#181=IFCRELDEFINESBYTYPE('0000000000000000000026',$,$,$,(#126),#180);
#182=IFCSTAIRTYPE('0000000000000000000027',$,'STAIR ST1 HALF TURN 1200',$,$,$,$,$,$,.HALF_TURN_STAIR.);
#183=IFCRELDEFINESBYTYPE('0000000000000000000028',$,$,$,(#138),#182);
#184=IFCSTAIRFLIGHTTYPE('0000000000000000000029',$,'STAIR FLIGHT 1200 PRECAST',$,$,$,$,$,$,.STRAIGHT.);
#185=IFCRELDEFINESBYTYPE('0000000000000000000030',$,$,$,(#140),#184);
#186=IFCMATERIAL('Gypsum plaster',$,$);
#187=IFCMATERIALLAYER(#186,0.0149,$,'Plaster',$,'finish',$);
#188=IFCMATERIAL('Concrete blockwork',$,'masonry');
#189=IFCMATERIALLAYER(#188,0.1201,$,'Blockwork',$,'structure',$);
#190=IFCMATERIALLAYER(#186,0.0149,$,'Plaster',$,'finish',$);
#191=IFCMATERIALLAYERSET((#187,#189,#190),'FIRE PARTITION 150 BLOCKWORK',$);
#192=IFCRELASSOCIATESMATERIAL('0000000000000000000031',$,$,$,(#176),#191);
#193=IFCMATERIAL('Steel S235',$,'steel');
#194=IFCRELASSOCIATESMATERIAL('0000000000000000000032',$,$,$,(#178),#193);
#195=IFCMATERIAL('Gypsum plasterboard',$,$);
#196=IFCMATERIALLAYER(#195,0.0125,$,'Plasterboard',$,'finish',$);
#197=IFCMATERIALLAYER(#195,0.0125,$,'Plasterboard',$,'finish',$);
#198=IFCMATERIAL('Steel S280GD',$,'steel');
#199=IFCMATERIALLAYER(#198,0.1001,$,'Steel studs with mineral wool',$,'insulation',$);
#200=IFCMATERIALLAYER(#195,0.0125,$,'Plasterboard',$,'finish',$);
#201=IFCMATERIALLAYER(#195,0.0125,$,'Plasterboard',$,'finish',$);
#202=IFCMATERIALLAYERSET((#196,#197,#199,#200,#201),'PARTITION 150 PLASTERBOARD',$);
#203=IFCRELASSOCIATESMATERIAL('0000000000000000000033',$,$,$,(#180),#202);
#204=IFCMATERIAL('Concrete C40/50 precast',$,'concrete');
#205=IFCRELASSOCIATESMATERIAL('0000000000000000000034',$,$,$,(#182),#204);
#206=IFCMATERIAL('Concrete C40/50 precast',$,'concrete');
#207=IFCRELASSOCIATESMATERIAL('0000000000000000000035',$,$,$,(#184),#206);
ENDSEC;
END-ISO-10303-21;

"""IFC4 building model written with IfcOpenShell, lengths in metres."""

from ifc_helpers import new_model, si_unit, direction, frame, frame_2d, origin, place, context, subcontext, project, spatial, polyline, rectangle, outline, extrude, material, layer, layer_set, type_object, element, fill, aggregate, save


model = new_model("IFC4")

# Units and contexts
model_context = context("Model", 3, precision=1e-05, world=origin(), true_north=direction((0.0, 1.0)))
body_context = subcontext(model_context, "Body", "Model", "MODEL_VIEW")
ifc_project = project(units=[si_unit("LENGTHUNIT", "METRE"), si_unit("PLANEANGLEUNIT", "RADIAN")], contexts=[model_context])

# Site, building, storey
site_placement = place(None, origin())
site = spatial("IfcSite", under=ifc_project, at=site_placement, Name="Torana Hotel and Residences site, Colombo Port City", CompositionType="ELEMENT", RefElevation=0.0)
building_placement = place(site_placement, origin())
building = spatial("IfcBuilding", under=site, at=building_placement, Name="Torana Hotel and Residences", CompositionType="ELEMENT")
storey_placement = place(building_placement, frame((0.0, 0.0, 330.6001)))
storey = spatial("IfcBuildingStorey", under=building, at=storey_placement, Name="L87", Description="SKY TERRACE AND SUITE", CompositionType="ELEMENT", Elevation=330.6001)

...

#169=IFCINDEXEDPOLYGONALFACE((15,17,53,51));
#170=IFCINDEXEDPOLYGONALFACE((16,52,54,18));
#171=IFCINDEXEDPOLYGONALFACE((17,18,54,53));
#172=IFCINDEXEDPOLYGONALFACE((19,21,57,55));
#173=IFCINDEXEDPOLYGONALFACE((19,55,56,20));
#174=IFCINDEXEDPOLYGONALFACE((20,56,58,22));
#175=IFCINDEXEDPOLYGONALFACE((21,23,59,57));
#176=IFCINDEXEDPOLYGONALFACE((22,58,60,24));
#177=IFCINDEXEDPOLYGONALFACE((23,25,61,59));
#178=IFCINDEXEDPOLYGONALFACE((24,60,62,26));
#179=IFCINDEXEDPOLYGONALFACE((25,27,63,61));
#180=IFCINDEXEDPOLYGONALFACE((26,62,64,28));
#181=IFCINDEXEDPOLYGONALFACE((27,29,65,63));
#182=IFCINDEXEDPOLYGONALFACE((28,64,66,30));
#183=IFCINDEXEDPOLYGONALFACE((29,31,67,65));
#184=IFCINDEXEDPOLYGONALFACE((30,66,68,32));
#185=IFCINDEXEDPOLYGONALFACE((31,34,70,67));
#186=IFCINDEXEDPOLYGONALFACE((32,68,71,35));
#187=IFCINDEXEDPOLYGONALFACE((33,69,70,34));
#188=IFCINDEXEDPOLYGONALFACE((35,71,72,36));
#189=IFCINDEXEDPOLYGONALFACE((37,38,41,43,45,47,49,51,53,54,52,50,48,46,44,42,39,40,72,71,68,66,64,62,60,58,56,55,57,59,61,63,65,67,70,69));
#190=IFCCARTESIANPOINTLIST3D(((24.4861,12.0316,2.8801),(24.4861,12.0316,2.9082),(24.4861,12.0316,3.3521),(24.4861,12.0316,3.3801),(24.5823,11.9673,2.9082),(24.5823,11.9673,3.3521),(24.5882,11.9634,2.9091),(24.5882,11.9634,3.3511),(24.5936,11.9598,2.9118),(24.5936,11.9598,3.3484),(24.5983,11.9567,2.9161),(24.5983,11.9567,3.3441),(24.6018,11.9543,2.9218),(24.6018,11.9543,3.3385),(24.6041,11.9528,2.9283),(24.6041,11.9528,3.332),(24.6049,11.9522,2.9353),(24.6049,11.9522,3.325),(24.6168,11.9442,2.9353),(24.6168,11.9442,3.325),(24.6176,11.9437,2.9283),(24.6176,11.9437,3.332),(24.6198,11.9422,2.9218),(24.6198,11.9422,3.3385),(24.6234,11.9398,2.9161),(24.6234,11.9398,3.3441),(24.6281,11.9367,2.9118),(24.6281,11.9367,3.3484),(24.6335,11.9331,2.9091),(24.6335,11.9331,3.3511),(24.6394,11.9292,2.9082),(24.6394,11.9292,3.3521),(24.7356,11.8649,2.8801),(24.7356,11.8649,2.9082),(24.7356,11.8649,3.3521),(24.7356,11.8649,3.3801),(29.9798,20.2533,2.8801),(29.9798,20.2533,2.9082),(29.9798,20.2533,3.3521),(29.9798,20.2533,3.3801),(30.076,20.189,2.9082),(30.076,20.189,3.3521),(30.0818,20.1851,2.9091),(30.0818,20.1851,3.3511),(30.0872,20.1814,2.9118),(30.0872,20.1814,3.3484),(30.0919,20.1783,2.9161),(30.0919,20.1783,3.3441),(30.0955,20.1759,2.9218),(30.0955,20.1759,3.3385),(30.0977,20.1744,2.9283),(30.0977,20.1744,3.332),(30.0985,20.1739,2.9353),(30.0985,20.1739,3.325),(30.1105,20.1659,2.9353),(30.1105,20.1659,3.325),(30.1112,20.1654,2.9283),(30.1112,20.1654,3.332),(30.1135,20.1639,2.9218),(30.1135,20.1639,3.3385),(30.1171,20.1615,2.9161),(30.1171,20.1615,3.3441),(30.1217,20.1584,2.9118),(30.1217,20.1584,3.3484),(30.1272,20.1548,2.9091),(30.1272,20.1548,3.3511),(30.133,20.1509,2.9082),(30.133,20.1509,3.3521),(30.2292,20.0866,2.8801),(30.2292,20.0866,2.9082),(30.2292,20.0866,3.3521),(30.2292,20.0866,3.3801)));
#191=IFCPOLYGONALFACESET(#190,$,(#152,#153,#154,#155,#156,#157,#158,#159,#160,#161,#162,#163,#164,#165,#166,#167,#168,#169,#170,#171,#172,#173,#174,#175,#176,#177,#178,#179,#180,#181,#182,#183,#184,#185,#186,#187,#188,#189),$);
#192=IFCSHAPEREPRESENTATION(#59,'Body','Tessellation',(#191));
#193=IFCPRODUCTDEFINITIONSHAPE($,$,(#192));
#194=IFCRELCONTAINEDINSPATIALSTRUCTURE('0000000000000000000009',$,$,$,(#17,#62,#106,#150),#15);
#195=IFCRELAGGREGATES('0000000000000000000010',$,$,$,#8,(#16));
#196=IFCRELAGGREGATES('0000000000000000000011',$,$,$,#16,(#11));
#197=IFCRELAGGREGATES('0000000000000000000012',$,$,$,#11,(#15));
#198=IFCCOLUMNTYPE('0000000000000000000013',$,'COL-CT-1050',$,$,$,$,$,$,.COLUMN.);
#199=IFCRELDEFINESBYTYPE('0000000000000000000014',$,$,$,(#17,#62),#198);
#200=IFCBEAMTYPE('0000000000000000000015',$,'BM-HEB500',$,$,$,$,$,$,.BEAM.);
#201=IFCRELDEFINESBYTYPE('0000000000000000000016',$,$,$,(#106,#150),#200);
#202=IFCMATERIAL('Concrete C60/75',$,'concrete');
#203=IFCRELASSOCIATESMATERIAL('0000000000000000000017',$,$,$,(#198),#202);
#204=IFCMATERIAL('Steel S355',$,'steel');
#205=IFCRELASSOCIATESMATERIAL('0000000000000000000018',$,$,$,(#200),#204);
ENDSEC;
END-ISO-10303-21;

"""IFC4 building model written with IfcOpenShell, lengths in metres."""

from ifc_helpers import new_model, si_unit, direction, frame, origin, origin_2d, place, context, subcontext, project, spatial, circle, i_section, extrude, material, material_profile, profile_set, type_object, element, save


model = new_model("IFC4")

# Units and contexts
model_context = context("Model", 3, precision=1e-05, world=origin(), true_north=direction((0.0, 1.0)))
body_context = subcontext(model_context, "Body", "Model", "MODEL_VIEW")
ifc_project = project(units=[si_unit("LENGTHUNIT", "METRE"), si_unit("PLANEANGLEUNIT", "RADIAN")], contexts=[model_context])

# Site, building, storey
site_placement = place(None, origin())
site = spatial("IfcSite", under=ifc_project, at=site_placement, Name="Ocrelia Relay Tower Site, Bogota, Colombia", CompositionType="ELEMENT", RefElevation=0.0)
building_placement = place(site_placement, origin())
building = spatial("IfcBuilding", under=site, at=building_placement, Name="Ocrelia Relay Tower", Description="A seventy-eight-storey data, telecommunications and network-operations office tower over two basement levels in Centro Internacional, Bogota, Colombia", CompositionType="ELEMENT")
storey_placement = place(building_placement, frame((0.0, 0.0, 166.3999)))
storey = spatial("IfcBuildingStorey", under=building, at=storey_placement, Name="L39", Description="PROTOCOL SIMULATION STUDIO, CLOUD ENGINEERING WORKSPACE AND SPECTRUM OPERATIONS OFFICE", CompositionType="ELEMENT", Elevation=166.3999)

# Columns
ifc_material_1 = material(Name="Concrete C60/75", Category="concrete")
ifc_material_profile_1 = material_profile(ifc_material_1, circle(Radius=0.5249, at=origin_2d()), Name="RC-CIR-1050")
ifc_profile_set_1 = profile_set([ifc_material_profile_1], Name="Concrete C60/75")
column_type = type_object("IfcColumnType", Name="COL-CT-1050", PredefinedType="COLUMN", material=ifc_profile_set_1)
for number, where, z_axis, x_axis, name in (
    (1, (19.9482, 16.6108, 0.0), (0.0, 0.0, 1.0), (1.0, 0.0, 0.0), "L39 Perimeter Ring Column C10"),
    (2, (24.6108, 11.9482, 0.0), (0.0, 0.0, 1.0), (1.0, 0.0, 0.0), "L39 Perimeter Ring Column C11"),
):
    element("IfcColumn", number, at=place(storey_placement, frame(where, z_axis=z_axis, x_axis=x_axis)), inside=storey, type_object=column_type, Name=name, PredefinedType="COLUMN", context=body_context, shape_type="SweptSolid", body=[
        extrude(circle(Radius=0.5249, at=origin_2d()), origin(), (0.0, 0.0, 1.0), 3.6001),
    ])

- **Exercise details**: Report how many lines in these entries contain "Steel". Answer with the number only.

- **Solved exercise**: 4